(Beginning of AVAILABLE RECORDS)
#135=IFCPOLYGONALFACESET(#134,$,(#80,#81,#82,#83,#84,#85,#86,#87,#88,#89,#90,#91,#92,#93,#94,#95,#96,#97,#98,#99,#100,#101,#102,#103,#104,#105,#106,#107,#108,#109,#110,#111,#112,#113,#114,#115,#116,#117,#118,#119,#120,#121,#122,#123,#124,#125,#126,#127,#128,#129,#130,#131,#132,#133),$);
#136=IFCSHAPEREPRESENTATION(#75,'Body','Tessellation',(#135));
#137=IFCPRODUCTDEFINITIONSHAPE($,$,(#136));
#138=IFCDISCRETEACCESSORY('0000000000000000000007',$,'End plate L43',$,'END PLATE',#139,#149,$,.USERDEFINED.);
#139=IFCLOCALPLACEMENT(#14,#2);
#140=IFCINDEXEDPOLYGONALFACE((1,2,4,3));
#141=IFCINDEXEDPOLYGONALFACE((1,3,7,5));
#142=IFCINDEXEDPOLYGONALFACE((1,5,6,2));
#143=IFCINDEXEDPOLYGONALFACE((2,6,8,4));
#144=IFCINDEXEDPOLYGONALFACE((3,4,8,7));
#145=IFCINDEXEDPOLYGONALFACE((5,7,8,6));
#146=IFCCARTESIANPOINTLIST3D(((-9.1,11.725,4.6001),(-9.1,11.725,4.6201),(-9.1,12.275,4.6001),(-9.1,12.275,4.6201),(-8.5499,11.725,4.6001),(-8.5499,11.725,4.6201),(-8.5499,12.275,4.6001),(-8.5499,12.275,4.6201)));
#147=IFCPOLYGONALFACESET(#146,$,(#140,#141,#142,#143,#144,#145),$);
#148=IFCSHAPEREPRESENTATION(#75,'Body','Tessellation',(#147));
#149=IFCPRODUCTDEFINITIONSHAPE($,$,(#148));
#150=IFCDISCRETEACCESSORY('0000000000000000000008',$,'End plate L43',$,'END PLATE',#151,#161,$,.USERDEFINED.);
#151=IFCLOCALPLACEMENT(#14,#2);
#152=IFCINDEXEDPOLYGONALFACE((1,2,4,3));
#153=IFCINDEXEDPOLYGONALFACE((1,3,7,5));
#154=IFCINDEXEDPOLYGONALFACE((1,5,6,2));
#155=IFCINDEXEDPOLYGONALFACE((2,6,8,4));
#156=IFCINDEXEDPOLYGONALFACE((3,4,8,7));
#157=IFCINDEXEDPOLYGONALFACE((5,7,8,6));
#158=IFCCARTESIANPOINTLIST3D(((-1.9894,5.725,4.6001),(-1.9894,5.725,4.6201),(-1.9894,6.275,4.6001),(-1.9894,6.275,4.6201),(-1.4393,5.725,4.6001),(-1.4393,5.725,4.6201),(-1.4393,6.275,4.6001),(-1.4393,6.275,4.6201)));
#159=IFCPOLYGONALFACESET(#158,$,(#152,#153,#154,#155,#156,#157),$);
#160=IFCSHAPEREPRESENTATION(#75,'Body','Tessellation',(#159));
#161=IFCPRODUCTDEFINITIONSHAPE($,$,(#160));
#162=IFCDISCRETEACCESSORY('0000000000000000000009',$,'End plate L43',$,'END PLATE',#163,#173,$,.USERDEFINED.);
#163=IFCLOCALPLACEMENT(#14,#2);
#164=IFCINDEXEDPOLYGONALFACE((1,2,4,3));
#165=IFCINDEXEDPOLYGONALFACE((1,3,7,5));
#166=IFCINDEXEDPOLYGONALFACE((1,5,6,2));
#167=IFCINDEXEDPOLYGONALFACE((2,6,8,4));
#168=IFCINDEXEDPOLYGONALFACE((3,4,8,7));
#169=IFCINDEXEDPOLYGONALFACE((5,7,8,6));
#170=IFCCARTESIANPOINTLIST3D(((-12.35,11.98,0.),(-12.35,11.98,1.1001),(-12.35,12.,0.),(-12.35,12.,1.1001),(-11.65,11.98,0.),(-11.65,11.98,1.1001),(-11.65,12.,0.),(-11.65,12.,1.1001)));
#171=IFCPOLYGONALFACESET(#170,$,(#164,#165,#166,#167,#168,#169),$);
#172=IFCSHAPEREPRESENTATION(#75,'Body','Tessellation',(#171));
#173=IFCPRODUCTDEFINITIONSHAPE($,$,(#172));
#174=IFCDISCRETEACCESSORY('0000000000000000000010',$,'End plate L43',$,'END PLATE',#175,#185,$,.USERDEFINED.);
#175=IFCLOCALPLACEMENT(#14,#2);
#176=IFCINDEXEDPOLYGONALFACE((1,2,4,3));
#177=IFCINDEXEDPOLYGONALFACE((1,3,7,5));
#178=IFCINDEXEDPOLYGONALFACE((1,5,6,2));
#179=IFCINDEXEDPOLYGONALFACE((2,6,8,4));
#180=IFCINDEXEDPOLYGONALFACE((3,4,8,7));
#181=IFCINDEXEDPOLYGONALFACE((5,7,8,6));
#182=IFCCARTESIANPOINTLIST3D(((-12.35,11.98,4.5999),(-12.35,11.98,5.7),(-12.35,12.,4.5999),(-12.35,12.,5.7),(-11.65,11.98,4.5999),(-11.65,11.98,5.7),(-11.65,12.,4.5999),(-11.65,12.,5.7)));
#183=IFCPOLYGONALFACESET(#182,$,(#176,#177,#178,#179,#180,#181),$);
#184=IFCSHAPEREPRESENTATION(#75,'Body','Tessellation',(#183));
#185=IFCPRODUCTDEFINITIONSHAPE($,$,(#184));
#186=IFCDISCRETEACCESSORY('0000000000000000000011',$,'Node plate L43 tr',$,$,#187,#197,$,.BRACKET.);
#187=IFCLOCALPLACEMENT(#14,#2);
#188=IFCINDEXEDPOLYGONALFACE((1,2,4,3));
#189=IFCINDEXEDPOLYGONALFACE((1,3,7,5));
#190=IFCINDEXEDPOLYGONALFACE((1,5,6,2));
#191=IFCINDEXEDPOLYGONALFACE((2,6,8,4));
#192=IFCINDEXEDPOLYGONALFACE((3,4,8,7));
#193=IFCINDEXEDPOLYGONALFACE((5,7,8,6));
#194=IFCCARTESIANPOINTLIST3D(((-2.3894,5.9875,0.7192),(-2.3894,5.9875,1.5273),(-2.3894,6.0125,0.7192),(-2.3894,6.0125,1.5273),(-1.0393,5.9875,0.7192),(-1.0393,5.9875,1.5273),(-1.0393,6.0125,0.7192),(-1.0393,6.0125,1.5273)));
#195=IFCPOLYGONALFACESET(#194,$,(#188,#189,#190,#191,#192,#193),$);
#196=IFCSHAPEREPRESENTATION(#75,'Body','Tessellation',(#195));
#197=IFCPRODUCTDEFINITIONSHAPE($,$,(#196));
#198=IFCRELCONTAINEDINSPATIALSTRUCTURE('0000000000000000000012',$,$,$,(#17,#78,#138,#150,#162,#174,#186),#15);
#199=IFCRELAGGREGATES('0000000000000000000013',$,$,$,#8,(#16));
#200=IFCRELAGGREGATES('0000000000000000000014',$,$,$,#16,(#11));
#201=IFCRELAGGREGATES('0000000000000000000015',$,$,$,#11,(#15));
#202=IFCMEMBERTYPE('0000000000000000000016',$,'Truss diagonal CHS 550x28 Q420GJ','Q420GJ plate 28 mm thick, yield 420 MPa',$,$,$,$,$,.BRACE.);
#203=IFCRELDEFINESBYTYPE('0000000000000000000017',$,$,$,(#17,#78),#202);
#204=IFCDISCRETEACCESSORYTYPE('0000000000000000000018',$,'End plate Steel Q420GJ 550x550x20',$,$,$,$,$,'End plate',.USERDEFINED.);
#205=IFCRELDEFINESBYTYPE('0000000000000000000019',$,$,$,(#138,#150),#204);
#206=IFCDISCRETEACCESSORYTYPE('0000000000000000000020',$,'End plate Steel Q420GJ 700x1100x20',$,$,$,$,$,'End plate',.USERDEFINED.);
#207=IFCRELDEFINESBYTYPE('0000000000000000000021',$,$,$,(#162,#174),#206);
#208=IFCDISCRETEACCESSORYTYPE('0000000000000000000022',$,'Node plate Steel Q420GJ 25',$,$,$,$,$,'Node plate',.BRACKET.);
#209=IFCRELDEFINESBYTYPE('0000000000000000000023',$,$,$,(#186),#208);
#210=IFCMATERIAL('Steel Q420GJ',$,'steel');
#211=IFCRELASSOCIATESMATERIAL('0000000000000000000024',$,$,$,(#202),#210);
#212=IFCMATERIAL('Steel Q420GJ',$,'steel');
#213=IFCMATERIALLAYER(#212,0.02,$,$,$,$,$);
(End of AVAILABLE RECORDS)
(Beginning of AVAILABLE RECORDS)
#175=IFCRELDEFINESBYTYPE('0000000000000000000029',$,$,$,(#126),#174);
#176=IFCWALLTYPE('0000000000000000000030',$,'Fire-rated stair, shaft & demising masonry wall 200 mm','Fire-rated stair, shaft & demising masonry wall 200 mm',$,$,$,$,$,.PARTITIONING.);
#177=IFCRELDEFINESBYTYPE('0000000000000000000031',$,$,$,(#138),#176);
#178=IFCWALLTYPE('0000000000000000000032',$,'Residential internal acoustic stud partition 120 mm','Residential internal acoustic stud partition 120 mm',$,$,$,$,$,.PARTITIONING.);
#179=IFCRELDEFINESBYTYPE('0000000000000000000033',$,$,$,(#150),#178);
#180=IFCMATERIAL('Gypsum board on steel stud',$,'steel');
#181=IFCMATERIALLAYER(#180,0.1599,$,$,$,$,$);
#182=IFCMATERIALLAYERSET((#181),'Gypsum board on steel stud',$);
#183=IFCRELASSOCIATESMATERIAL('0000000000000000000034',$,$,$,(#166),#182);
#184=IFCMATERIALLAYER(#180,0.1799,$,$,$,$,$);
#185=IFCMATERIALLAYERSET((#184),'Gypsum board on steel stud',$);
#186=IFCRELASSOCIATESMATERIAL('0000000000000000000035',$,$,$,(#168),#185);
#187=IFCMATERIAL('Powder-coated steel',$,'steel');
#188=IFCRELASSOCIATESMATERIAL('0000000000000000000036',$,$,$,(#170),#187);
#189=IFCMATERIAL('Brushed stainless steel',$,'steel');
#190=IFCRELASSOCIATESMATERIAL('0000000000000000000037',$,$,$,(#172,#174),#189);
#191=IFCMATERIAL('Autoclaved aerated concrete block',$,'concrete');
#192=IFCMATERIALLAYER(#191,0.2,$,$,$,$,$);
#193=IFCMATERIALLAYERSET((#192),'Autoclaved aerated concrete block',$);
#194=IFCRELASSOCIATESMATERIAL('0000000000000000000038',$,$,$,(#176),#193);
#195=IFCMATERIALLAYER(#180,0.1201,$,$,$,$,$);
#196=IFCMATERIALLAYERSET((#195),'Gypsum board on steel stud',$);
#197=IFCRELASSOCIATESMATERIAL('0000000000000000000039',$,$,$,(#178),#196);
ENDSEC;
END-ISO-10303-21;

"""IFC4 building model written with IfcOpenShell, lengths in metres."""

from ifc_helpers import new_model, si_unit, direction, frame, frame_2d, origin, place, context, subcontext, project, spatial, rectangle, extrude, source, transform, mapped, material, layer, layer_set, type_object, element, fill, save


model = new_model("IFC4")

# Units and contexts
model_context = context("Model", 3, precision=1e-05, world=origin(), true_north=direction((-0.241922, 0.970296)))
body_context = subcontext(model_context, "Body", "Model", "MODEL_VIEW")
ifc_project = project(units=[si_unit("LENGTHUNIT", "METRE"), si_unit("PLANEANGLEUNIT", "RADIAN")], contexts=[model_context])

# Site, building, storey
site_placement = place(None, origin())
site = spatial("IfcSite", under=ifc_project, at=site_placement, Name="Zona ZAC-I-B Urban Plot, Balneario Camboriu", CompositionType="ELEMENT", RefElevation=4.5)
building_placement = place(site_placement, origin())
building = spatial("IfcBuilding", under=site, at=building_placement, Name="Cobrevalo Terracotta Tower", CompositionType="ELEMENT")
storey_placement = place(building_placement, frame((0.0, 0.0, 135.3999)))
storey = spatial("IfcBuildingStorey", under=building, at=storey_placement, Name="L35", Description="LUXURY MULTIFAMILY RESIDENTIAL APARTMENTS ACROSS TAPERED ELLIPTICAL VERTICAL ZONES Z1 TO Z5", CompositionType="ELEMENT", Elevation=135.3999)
(End of AVAILABLE RECORDS)
(Beginning of AVAILABLE RECORDS)
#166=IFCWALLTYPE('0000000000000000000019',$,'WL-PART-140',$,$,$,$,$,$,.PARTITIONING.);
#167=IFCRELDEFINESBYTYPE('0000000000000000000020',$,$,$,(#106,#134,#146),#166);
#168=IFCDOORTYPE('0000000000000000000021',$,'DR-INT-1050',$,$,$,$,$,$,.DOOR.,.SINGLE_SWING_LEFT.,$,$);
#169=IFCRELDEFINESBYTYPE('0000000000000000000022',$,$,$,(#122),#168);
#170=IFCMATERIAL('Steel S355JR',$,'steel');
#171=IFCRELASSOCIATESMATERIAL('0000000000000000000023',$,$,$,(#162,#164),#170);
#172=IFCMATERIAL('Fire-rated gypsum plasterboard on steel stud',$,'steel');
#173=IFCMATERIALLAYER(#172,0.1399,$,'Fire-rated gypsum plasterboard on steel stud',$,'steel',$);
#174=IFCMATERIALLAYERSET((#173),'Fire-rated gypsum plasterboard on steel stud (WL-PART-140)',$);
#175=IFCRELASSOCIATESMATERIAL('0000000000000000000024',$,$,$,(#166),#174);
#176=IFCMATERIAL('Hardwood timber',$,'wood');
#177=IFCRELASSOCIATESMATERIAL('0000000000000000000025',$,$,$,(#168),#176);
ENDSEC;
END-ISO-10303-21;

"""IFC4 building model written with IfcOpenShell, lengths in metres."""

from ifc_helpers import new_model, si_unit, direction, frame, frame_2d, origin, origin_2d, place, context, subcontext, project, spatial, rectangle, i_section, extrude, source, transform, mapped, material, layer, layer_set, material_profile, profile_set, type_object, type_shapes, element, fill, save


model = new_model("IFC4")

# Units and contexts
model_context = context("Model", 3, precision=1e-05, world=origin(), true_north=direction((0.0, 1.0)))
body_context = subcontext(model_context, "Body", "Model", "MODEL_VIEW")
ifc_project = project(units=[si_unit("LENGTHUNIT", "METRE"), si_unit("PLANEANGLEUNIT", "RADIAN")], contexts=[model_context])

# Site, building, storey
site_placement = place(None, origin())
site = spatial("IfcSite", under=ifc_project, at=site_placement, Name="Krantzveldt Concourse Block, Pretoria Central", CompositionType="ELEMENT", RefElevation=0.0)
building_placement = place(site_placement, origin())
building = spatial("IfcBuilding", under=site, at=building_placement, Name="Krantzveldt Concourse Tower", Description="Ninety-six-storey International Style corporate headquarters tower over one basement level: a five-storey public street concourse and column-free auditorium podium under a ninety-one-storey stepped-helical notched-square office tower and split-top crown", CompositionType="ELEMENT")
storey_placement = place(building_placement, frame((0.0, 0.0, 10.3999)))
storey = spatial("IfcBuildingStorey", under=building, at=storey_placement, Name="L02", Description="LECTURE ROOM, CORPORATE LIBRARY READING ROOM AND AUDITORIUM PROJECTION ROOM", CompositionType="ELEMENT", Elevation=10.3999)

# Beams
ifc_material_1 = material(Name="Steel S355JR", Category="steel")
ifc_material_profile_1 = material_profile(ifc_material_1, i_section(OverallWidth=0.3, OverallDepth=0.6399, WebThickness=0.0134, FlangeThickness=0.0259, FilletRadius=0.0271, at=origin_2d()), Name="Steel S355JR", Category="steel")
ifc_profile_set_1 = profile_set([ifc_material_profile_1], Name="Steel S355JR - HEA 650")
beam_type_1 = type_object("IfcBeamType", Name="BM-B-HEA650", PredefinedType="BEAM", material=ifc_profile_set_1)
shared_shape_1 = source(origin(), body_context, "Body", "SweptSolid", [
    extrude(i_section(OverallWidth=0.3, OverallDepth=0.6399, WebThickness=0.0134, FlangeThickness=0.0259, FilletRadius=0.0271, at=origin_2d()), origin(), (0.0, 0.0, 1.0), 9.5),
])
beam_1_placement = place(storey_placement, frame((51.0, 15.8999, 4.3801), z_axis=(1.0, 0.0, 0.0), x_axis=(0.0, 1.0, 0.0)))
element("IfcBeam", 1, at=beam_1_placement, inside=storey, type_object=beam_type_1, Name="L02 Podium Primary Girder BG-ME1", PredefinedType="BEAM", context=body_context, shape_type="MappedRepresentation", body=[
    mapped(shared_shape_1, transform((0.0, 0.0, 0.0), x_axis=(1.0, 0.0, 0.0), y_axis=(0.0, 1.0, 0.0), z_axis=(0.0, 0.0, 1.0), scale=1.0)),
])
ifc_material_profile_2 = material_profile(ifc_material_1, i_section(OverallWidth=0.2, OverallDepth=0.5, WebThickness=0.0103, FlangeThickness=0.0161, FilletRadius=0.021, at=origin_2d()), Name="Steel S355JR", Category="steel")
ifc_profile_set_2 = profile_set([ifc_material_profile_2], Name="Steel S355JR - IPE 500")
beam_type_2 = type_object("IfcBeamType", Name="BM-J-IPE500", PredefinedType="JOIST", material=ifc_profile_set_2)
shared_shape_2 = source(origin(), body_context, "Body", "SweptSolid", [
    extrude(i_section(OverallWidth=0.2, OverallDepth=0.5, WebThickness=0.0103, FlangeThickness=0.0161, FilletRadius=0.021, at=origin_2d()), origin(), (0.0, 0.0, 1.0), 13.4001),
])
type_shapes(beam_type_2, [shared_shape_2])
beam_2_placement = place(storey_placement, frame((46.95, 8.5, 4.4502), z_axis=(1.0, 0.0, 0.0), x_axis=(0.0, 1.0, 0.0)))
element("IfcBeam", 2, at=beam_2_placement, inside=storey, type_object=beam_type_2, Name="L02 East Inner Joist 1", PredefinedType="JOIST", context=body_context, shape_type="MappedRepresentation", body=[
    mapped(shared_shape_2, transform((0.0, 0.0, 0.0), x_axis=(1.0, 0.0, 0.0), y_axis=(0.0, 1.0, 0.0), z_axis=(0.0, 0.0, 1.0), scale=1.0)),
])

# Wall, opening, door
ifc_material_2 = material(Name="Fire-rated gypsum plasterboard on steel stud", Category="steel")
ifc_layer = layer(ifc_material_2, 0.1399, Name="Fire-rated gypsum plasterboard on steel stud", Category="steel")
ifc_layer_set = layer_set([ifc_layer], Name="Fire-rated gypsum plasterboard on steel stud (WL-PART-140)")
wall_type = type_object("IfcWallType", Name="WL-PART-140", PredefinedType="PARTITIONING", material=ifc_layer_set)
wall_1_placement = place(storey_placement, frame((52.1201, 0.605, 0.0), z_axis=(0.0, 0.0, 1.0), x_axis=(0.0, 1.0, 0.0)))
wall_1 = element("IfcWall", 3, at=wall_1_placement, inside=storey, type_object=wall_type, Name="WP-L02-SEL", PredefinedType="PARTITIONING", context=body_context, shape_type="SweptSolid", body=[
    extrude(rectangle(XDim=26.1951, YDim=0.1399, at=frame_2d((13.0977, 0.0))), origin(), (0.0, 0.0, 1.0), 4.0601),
(End of AVAILABLE RECORDS)
Return all lines of the data in which the string "subcontext" appears.

from ifc_helpers import new_model, si_unit, direction, frame, frame_2d, origin, place, context, subcontext, project, spatial, rectangle, extrude, source, transform, mapped, material, layer, layer_set, type_object, element, fill, save
body_context = subcontext(model_context, "Body", "Model", "MODEL_VIEW")
from ifc_helpers import new_model, si_unit, direction, frame, frame_2d, origin, origin_2d, place, context, subcontext, project, spatial, rectangle, i_section, extrude, source, transform, mapped, material, layer, layer_set, material_profile, profile_set, type_object, type_shapes, element, fill, save
body_context = subcontext(model_context, "Body", "Model", "MODEL_VIEW")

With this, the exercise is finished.